Collected data
■ ■ ■
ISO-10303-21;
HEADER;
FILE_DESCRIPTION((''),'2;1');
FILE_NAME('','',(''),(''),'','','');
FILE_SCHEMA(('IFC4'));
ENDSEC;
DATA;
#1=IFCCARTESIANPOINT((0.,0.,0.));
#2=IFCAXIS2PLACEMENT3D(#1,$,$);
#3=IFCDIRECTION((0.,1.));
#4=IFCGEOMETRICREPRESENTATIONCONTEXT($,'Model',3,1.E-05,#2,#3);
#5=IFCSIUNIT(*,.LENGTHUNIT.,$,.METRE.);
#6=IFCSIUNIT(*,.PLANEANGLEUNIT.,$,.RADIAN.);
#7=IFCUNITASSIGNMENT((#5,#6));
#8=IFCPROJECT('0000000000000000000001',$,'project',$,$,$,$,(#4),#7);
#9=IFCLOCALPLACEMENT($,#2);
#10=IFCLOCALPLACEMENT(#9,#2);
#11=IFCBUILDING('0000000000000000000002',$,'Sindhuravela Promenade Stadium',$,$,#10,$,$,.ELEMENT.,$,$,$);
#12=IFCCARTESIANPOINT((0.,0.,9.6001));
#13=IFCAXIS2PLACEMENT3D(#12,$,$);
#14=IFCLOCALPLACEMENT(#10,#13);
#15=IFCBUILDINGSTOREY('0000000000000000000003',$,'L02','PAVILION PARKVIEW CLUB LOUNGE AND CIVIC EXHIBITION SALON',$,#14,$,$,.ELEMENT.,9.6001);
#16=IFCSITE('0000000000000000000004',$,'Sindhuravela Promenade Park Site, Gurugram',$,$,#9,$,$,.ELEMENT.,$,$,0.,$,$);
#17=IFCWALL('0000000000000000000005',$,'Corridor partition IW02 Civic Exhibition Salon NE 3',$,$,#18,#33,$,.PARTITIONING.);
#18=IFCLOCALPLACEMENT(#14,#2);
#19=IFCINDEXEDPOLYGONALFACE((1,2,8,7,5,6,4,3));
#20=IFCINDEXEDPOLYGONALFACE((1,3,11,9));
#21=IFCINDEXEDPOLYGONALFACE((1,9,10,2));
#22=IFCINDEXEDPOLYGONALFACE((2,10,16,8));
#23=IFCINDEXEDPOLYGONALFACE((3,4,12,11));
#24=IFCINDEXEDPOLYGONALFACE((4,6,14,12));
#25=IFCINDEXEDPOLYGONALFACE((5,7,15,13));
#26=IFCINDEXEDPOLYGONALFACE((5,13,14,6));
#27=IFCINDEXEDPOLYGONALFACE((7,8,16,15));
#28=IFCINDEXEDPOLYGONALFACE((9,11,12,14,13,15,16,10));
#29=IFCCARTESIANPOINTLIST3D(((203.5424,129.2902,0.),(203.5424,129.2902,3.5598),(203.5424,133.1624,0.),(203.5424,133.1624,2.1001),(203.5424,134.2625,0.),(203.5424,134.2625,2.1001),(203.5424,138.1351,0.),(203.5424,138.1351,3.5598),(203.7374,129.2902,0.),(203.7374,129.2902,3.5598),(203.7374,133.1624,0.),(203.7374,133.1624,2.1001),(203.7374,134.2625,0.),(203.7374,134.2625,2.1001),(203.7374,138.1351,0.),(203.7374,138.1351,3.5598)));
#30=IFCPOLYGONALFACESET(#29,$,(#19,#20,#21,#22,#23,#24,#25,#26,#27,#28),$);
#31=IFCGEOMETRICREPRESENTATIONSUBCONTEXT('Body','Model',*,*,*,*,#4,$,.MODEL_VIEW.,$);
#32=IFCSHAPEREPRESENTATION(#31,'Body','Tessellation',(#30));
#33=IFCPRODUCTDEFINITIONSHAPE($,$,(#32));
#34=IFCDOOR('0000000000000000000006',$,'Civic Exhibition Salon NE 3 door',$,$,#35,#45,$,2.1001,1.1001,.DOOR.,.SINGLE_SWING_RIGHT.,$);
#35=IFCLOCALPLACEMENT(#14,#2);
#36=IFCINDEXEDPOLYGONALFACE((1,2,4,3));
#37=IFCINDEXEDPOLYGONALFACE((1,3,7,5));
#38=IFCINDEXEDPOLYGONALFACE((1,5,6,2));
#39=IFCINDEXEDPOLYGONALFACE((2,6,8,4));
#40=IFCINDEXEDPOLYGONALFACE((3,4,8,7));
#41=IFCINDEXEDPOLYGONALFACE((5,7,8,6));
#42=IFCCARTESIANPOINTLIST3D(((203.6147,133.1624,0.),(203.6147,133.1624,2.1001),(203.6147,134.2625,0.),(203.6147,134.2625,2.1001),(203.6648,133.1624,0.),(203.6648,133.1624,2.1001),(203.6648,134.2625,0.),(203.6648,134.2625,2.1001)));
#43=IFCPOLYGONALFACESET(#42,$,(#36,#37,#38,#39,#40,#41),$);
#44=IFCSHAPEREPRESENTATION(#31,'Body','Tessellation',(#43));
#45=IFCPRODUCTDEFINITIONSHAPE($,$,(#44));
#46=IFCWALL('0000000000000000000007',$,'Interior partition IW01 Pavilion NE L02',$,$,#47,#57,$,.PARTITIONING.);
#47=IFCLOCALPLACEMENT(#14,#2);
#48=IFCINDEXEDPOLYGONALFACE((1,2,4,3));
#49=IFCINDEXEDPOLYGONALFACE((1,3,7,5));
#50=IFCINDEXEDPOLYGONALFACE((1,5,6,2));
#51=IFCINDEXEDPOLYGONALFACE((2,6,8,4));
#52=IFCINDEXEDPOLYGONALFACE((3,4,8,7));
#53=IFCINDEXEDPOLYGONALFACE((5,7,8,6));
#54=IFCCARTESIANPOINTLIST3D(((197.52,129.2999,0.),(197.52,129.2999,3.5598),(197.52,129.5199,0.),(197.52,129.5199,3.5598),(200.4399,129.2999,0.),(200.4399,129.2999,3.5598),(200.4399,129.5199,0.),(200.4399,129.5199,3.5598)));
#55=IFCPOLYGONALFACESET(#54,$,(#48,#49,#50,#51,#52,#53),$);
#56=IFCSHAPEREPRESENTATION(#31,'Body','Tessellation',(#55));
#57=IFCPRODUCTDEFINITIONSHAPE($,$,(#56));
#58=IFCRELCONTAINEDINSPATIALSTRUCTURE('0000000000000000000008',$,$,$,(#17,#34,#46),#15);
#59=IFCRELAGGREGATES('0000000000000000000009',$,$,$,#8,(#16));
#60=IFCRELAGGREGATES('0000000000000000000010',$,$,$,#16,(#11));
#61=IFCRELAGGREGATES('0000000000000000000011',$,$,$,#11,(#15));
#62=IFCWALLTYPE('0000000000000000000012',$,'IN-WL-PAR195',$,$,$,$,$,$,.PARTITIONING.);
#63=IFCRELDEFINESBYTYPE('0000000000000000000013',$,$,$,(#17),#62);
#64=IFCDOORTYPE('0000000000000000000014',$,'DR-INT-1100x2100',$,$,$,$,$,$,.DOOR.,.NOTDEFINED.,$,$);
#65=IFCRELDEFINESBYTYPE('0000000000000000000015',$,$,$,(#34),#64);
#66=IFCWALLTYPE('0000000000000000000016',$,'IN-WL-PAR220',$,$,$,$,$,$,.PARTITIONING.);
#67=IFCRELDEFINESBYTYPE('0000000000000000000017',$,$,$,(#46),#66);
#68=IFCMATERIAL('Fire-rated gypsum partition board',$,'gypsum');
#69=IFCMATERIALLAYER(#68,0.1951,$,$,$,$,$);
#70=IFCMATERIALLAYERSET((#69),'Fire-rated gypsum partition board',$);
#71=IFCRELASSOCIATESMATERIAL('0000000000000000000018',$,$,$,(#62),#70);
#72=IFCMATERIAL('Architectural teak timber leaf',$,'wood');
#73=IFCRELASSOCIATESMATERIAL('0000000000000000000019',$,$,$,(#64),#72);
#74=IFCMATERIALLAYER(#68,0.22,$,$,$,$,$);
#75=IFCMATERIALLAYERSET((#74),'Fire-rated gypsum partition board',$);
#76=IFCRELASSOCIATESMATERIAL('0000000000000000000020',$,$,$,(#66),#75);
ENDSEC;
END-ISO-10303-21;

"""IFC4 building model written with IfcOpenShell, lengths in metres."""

from ifc_helpers import new_model, si_unit, direction, frame, frame_2d, origin, place, context, subcontext, project, spatial, rectangle, extrude, material, layer, layer_set, type_object, element, fill, save


model = new_model("IFC4")

# Units and contexts
model_context = context("Model", 3, precision=1e-05, world=origin(), true_north=direction((0.0, 1.0)))
body_context = subcontext(model_context, "Body", "Model", "MODEL_VIEW")
ifc_project = project(units=[si_unit("LENGTHUNIT", "METRE"), si_unit("PLANEANGLEUNIT", "RADIAN")], contexts=[model_context])

# Site, building, storey
site_placement = place(None, origin())
site = spatial("IfcSite", under=ifc_project, at=site_placement, Name="Sindhuravela Promenade Park Site, Gurugram", CompositionType="ELEMENT", RefElevation=0.0)
building_placement = place(site_placement, origin())
building = spatial("IfcBuilding", under=site, at=building_placement, Name="Sindhuravela Promenade Stadium", CompositionType="ELEMENT")
storey_placement = place(building_placement, frame((0.0, 0.0, 9.6001)))
storey = spatial("IfcBuildingStorey", under=building, at=storey_placement, Name="L02", Description="PAVILION PARKVIEW CLUB LOUNGE AND CIVIC EXHIBITION SALON", CompositionType="ELEMENT", Elevation=9.6001)

# Shared definitions
ifc_material_1 = material(Name="Fire-rated gypsum partition board", Category="gypsum")

# Wall, opening, door
ifc_layer_1 = layer(ifc_material_1, 0.1951)
ifc_layer_set_1 = layer_set([ifc_layer_1], Name="Fire-rated gypsum partition board")
wall_type_1 = type_object("IfcWallType", Name="IN-WL-PAR195", PredefinedType="PARTITIONING", material=ifc_layer_set_1)
wall_1_placement = place(storey_placement, frame((203.6399, 138.135, 0.0), z_axis=(0.0, 0.0, 1.0), x_axis=(0.0, -1.0, 0.0)))
wall_1 = element("IfcWall", 1, at=wall_1_placement, inside=storey, type_object=wall_type_1, Name="Corridor partition IW02 Civic Exhibition Salon NE 3", PredefinedType="PARTITIONING", context=body_context, shape_type="SweptSolid", body=[
    extrude(rectangle(XDim=8.845, YDim=0.1951, at=frame_2d((4.4224, 0.0))), origin(), (0.0, 0.0, 1.0), 3.5598),
])
opening_placement = place(wall_1_placement, frame((3.8726, 0.0, 0.0)))
opening = element("IfcOpeningElement", 2, at=opening_placement, cuts=wall_1, PredefinedType="OPENING", context=body_context, shape_type="SweptSolid", body=[
    extrude(rectangle(XDim=1.1001, YDim=2.1001, at=frame_2d((0.55, 1.05))), frame((0.0, 0.1074, 0.0), z_axis=(0.0, -1.0, 0.0), x_axis=(1.0, 0.0, 0.0)), (0.0, 0.0, 1.0), 0.2151),
])
ifc_material_2 = material(Name="Architectural teak timber leaf", Category="wood")
door_type = type_object("IfcDoorType", Name="DR-INT-1100x2100", OperationType="NOTDEFINED", PredefinedType="DOOR", material=ifc_material_2)
door_placement = place(opening_placement, origin())
door = element("IfcDoor", 3, at=door_placement, inside=storey, type_object=door_type, Name="Civic Exhibition Salon NE 3 door", OperationType="SINGLE_SWING_RIGHT", OverallHeight=2.1001, OverallWidth=1.1001, PredefinedType="DOOR", context=body_context, shape_type="SweptSolid", body=[
    extrude(rectangle(XDim=1.1001, YDim=2.1001, at=frame_2d((0.55, 1.05))), frame((0.0, 0.0249, 0.0), z_axis=(0.0, -1.0, 0.0), x_axis=(1.0, 0.0, 0.0)), (0.0, 0.0, 1.0), 0.05),
])
fill(opening, door)

# Wall
ifc_layer_2 = layer(ifc_material_1, 0.22)
ifc_layer_set_2 = layer_set([ifc_layer_2], Name="Fire-rated gypsum partition board")
wall_type_2 = type_object("IfcWallType", Name="IN-WL-PAR220", PredefinedType="PARTITIONING", material=ifc_layer_set_2)
wall_2_placement = place(storey_placement, frame((200.4399, 129.4099, 0.0), z_axis=(0.0, 0.0, 1.0), x_axis=(-1.0, 0.0, 0.0)))
element("IfcWall", 4, at=wall_2_placement, inside=storey, type_object=wall_type_2, Name="Interior partition IW01 Pavilion NE L02", PredefinedType="PARTITIONING", context=body_context, shape_type="SweptSolid", body=[
    extrude(rectangle(XDim=2.9199, YDim=0.22, at=frame_2d((1.46, 0.0))), origin(), (0.0, 0.0, 1.0), 3.5598),
])

save(model, "model.ifc")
■ ■ ■
### WORK INSTRUCTIONS
Sift the data above for lines with "IFCLOCALPLACEMENT", then copy each one.

### RESPONSE TO THE EXERCISE
#9=IFCLOCALPLACEMENT($,#2);
#10=IFCLOCALPLACEMENT(#9,#2);
#14=IFCLOCALPLACEMENT(#10,#13);
#18=IFCLOCALPLACEMENT(#14,#2);
#35=IFCLOCALPLACEMENT(#14,#2);
#47=IFCLOCALPLACEMENT(#14,#2);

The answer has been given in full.